--- Work required ---
Look through the data below for the line with "#131=IFCINDEXEDPOLYGONALFACE((2,6,8,4));" and the line with "#133=IFCINDEXEDPOLYGONALFACE((5,7,8,6));", then output those two and all lines in between, exactly as written.

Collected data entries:
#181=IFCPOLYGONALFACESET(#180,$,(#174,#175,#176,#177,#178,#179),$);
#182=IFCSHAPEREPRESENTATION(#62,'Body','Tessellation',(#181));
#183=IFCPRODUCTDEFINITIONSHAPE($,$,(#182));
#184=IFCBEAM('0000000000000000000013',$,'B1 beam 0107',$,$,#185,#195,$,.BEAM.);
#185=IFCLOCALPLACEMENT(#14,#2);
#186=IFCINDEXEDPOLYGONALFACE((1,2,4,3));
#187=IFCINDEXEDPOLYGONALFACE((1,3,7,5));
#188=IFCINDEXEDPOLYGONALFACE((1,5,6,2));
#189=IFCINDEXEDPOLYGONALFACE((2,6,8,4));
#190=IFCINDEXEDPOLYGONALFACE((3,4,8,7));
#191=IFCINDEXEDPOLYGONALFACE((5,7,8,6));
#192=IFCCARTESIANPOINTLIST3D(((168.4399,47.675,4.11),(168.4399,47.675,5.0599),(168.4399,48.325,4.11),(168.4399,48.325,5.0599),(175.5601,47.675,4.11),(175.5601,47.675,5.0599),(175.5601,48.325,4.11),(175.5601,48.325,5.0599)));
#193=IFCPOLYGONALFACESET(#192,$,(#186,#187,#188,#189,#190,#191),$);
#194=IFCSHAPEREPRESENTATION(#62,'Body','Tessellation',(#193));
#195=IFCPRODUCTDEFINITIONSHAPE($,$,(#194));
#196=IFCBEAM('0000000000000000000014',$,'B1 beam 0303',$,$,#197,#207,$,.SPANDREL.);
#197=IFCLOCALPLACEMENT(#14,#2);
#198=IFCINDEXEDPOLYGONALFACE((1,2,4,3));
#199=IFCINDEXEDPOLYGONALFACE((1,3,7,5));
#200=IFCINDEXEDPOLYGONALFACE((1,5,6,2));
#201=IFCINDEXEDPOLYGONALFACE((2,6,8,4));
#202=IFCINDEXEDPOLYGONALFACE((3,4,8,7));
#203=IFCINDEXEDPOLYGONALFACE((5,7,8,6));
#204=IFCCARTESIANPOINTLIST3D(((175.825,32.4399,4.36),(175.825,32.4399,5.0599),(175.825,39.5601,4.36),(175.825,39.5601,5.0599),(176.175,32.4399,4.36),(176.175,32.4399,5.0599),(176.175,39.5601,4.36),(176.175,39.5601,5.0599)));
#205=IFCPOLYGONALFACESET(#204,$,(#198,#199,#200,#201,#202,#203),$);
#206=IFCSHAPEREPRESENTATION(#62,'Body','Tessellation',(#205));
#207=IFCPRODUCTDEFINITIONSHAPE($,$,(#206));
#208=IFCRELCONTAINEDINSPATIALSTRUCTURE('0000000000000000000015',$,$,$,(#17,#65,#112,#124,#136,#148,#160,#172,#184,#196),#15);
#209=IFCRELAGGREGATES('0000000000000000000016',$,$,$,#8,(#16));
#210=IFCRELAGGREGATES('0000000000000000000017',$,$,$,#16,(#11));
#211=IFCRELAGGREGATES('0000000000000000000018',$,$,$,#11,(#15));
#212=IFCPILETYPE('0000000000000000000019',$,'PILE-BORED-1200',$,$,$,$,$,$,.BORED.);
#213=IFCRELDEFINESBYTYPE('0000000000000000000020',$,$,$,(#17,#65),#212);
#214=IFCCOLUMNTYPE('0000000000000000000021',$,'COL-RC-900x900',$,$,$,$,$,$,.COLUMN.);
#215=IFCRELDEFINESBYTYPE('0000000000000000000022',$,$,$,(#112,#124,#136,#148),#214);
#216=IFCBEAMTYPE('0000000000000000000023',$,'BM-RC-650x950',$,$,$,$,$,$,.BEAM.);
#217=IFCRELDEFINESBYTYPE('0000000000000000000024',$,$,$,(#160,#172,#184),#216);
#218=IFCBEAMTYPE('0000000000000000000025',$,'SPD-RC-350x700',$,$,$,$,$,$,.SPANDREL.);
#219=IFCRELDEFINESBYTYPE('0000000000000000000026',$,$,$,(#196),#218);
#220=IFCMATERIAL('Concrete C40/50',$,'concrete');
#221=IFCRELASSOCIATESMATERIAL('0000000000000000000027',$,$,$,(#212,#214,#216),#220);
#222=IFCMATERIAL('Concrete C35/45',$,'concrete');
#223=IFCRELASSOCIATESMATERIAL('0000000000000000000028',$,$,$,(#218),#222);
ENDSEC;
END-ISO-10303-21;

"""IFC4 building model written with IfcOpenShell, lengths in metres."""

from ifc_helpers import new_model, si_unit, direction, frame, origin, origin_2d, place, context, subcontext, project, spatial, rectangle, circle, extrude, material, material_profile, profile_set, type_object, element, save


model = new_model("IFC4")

---

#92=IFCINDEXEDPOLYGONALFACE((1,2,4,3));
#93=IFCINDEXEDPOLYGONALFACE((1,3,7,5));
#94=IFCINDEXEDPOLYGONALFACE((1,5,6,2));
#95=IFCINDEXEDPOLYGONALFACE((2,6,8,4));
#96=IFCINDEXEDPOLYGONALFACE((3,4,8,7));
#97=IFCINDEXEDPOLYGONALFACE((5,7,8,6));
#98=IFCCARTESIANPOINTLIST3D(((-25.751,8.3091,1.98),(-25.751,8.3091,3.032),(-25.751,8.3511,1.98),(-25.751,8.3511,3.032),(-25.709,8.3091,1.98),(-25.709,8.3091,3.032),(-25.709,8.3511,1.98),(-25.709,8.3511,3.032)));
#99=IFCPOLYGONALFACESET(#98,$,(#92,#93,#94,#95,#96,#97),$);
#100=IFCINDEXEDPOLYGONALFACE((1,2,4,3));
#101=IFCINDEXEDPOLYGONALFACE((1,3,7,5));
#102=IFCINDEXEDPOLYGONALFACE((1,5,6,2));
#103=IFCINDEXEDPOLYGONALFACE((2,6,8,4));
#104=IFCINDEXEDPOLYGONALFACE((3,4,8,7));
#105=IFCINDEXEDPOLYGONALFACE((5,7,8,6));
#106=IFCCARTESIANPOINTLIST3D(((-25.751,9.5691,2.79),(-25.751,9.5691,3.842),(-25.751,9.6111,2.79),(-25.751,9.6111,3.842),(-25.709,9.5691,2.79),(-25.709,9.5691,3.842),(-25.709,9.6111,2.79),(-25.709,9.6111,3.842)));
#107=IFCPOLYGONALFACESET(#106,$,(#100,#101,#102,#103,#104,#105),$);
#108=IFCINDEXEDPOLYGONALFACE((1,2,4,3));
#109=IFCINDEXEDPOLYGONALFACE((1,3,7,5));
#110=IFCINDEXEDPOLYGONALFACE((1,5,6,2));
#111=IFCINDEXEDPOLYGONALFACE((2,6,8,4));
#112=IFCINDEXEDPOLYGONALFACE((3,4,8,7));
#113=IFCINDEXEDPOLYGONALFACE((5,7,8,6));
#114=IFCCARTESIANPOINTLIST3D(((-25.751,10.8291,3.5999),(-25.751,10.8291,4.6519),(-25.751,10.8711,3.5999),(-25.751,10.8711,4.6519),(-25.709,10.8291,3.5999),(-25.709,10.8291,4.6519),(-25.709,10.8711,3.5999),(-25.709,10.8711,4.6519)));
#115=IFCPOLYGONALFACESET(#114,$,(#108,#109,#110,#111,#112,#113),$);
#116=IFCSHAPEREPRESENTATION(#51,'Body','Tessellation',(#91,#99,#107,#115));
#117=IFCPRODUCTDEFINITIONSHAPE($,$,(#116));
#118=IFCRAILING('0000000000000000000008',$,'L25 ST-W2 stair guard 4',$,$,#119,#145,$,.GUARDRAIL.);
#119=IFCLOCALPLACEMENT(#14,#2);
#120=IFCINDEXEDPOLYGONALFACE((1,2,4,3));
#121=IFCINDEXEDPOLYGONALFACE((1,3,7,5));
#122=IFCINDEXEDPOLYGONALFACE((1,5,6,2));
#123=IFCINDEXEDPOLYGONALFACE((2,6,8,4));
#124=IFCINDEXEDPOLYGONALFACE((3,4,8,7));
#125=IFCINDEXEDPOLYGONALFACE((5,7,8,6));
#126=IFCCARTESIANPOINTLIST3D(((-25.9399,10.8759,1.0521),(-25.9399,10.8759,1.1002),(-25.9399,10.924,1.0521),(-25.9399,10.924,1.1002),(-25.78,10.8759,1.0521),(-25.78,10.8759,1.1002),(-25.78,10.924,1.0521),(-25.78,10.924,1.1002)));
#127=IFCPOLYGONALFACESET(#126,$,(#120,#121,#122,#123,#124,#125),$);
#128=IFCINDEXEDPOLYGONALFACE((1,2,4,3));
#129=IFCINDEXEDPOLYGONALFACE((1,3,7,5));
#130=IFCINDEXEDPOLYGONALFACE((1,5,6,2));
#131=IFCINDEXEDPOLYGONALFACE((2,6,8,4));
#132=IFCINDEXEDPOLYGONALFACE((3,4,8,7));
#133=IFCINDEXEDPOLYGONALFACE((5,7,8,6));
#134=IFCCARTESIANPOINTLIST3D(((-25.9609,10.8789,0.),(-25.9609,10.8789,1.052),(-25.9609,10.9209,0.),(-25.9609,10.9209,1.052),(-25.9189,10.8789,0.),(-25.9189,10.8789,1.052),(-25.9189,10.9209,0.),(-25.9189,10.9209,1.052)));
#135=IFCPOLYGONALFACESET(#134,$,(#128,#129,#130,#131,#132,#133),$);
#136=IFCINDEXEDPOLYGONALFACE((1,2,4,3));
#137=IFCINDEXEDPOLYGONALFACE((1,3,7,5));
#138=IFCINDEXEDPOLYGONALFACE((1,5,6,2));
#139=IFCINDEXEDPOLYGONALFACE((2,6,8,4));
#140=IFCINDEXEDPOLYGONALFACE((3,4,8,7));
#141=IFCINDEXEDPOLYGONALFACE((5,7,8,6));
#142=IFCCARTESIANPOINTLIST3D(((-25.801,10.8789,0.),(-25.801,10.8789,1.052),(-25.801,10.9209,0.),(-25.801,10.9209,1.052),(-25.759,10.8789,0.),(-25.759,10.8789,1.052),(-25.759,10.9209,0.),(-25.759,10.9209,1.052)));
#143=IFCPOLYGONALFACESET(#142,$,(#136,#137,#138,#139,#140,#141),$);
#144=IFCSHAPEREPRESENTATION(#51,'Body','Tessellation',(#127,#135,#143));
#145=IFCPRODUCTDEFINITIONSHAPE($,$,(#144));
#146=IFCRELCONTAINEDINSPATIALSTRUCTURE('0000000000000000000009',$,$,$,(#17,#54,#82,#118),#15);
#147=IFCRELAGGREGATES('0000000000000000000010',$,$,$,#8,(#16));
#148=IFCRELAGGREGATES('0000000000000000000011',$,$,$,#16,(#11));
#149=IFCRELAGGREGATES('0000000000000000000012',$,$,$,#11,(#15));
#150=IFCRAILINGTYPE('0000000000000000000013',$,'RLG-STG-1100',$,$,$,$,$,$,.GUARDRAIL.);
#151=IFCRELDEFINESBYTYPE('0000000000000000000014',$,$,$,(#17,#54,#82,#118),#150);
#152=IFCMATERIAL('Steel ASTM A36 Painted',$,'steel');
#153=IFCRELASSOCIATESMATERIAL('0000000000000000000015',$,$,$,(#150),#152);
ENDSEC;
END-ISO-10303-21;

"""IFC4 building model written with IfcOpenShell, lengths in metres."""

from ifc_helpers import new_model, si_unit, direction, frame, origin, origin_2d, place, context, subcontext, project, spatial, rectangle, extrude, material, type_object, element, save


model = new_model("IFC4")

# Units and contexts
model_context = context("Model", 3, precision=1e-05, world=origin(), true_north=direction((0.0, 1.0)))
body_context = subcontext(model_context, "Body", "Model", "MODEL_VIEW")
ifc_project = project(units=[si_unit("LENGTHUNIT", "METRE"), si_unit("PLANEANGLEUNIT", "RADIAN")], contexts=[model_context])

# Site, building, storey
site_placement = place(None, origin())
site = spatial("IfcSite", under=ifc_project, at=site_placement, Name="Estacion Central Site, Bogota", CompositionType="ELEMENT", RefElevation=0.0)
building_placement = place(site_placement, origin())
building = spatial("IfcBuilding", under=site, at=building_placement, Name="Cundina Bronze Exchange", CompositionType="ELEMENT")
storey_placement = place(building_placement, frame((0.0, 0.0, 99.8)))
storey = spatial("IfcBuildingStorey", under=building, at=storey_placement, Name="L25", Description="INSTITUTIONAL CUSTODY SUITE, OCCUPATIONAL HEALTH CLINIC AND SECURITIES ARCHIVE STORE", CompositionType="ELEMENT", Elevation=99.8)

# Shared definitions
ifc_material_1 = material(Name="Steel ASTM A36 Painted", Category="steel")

--- Solution to this exercise ---
#131=IFCINDEXEDPOLYGONALFACE((2,6,8,4));
#132=IFCINDEXEDPOLYGONALFACE((3,4,8,7));
#133=IFCINDEXEDPOLYGONALFACE((5,7,8,6));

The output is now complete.